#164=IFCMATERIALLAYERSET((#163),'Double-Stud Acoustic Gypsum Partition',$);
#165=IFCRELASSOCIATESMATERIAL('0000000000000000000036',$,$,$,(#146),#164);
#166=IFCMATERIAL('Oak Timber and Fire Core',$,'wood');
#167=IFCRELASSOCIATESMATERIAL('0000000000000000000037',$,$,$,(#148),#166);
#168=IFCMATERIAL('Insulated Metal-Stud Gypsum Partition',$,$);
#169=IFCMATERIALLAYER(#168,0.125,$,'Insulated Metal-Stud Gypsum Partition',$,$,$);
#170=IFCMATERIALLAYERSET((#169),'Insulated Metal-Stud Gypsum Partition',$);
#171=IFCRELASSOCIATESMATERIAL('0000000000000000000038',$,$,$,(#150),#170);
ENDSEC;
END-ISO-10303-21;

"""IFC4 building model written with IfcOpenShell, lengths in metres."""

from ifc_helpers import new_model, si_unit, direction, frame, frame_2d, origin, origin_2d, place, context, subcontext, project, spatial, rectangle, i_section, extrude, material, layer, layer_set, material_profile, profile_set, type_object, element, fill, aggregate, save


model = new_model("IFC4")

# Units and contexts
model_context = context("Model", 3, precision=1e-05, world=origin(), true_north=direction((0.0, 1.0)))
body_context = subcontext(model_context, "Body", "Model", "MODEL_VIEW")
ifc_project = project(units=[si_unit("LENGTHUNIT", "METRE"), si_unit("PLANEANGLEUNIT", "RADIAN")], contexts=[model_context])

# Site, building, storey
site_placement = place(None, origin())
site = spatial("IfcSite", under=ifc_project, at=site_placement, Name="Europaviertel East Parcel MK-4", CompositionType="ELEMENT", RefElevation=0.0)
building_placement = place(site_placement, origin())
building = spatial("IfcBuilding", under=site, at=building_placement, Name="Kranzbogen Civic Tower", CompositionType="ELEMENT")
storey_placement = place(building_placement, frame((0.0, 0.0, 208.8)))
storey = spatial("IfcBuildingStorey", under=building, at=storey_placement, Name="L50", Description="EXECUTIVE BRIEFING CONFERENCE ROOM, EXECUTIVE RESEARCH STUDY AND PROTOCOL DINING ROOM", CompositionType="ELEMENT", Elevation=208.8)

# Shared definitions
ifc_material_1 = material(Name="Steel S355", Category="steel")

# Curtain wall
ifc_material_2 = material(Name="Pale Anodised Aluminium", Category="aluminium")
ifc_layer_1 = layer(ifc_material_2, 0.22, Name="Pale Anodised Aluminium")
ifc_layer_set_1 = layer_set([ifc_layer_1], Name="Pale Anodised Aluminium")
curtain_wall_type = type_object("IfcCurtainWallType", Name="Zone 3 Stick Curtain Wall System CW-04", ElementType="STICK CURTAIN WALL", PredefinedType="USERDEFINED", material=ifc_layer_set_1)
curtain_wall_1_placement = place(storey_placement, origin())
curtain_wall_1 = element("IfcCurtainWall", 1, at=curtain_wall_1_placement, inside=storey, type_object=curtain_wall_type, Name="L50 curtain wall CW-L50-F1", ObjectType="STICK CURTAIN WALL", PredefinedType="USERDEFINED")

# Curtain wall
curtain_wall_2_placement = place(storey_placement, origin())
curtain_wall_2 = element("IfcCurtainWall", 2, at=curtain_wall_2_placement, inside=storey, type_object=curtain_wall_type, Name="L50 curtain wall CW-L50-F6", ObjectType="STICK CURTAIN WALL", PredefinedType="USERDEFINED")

### Exercise
Everything in the listing should be given again word for word.

### Answer to this problem
#164=IFCMATERIALLAYERSET((#163),'Double-Stud Acoustic Gypsum Partition',$);
#165=IFCRELASSOCIATESMATERIAL('0000000000000000000036',$,$,$,(#146),#164);
#166=IFCMATERIAL('Oak Timber and Fire Core',$,'wood');
#167=IFCRELASSOCIATESMATERIAL('0000000000000000000037',$,$,$,(#148),#166);
#168=IFCMATERIAL('Insulated Metal-Stud Gypsum Partition',$,$);
#169=IFCMATERIALLAYER(#168,0.125,$,'Insulated Metal-Stud Gypsum Partition',$,$,$);
#170=IFCMATERIALLAYERSET((#169),'Insulated Metal-Stud Gypsum Partition',$);
#171=IFCRELASSOCIATESMATERIAL('0000000000000000000038',$,$,$,(#150),#170);
ENDSEC;
END-ISO-10303-21;

"""IFC4 building model written with IfcOpenShell, lengths in metres."""

from ifc_helpers import new_model, si_unit, direction, frame, frame_2d, origin, origin_2d, place, context, subcontext, project, spatial, rectangle, i_section, extrude, material, layer, layer_set, material_profile, profile_set, type_object, element, fill, aggregate, save


model = new_model("IFC4")

# Units and contexts
model_context = context("Model", 3, precision=1e-05, world=origin(), true_north=direction((0.0, 1.0)))
body_context = subcontext(model_context, "Body", "Model", "MODEL_VIEW")
ifc_project = project(units=[si_unit("LENGTHUNIT", "METRE"), si_unit("PLANEANGLEUNIT", "RADIAN")], contexts=[model_context])

# Site, building, storey
site_placement = place(None, origin())
site = spatial("IfcSite", under=ifc_project, at=site_placement, Name="Europaviertel East Parcel MK-4", CompositionType="ELEMENT", RefElevation=0.0)
building_placement = place(site_placement, origin())
building = spatial("IfcBuilding", under=site, at=building_placement, Name="Kranzbogen Civic Tower", CompositionType="ELEMENT")
storey_placement = place(building_placement, frame((0.0, 0.0, 208.8)))
storey = spatial("IfcBuildingStorey", under=building, at=storey_placement, Name="L50", Description="EXECUTIVE BRIEFING CONFERENCE ROOM, EXECUTIVE RESEARCH STUDY AND PROTOCOL DINING ROOM", CompositionType="ELEMENT", Elevation=208.8)

# Shared definitions
ifc_material_1 = material(Name="Steel S355", Category="steel")

# Curtain wall
ifc_material_2 = material(Name="Pale Anodised Aluminium", Category="aluminium")
ifc_layer_1 = layer(ifc_material_2, 0.22, Name="Pale Anodised Aluminium")
ifc_layer_set_1 = layer_set([ifc_layer_1], Name="Pale Anodised Aluminium")
curtain_wall_type = type_object("IfcCurtainWallType", Name="Zone 3 Stick Curtain Wall System CW-04", ElementType="STICK CURTAIN WALL", PredefinedType="USERDEFINED", material=ifc_layer_set_1)
curtain_wall_1_placement = place(storey_placement, origin())
curtain_wall_1 = element("IfcCurtainWall", 1, at=curtain_wall_1_placement, inside=storey, type_object=curtain_wall_type, Name="L50 curtain wall CW-L50-F1", ObjectType="STICK CURTAIN WALL", PredefinedType="USERDEFINED")

# Curtain wall
curtain_wall_2_placement = place(storey_placement, origin())
curtain_wall_2 = element("IfcCurtainWall", 2, at=curtain_wall_2_placement, inside=storey, type_object=curtain_wall_type, Name="L50 curtain wall CW-L50-F6", ObjectType="STICK CURTAIN WALL", PredefinedType="USERDEFINED")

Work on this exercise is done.